── Supplied records ──
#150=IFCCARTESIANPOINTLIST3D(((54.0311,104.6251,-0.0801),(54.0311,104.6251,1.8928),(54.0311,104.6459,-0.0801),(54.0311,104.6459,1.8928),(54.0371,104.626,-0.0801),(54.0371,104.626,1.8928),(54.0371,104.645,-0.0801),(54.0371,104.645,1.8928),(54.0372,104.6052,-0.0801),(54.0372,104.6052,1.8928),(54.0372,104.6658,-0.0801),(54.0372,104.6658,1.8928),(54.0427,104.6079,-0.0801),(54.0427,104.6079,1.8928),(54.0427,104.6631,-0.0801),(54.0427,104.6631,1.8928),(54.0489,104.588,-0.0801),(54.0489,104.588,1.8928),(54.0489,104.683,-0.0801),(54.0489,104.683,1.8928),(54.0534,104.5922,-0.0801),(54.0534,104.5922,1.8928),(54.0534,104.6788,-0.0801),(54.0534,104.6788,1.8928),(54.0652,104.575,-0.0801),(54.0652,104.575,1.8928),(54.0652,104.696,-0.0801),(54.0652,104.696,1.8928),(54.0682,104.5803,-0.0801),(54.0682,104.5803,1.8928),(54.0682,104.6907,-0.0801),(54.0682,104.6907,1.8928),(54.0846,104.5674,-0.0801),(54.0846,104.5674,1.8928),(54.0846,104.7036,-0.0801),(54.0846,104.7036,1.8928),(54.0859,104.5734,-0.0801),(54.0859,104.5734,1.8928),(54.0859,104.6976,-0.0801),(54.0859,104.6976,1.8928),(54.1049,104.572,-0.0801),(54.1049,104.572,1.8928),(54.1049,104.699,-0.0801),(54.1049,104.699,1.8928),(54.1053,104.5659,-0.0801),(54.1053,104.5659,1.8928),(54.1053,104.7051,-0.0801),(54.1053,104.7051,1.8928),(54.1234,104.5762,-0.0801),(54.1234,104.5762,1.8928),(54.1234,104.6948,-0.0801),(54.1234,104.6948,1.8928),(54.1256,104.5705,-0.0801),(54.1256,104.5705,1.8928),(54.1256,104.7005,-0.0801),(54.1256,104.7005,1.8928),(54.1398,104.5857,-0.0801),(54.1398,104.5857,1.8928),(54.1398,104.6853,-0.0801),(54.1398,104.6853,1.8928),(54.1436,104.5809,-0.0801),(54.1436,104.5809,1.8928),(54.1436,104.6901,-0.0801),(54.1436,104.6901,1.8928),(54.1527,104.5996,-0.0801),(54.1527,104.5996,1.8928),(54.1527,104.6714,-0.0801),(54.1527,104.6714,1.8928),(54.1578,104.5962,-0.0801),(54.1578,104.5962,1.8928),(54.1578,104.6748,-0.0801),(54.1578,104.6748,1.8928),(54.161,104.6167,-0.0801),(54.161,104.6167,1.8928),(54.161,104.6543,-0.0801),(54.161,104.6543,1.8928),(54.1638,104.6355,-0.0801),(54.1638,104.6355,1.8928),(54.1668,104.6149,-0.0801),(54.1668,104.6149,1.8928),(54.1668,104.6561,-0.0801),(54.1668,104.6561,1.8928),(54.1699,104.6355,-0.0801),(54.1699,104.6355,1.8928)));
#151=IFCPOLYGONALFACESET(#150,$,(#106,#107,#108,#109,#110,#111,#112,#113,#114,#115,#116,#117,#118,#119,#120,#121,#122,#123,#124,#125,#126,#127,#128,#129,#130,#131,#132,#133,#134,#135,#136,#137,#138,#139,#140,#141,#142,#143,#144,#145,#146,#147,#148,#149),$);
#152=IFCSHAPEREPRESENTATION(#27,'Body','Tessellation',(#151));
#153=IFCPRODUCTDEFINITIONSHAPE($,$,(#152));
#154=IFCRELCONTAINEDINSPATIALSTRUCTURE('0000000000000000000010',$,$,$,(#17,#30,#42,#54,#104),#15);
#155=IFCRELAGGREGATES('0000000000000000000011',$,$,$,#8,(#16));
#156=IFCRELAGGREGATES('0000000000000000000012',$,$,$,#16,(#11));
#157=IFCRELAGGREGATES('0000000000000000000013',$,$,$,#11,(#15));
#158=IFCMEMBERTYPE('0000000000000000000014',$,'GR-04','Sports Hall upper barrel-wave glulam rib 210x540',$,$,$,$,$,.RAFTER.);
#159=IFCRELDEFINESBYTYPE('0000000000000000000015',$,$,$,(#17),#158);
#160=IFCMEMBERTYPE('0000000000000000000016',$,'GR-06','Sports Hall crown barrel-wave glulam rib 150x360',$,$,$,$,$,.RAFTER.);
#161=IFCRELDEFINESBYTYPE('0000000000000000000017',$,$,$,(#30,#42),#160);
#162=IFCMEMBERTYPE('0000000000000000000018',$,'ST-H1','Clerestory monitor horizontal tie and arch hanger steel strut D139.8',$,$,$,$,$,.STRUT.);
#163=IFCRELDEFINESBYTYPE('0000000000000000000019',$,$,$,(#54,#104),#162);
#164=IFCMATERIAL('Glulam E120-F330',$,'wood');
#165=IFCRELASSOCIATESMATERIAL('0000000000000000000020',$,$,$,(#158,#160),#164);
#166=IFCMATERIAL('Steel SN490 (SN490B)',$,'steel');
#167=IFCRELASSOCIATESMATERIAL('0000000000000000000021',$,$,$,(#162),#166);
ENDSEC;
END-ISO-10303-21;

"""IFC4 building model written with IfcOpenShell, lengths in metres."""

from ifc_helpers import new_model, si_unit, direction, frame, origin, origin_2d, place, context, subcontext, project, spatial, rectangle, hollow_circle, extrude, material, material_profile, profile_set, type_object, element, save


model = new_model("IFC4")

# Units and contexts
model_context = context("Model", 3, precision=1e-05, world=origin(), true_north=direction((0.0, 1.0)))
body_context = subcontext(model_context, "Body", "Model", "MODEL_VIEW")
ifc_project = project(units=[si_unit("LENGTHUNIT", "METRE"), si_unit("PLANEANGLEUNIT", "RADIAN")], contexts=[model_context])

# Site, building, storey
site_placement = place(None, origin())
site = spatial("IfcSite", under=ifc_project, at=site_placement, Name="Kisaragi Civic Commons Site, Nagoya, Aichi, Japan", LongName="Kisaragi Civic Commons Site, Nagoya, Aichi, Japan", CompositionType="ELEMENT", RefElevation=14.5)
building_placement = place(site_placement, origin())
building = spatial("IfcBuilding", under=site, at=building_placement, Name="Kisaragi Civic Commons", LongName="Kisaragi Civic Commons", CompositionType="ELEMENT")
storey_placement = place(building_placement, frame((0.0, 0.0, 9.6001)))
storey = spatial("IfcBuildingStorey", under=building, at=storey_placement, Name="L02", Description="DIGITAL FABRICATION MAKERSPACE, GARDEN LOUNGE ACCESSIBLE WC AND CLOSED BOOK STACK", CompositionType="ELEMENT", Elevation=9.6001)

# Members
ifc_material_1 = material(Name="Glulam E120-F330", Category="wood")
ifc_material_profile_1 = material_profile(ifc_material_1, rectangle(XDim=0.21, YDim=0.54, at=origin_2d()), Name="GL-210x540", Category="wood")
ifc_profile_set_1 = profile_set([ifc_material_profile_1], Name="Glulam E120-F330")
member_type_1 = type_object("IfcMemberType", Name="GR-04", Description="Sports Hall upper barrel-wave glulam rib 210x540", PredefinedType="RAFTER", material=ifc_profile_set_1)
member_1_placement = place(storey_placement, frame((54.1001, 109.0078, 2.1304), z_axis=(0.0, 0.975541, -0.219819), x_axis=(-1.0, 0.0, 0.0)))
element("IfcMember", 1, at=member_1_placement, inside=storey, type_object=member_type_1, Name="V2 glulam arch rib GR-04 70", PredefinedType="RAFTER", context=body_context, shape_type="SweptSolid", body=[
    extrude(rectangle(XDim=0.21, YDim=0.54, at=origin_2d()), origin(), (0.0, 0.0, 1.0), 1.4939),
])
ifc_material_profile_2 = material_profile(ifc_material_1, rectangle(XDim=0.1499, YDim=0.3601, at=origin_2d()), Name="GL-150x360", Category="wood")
───
◆ What you should do: In the entries above, copy each line that contains the string "contexts".

◆ Answer to the problem:
# Units and contexts
ifc_project = project(units=[si_unit("LENGTHUNIT", "METRE"), si_unit("PLANEANGLEUNIT", "RADIAN")], contexts=[model_context])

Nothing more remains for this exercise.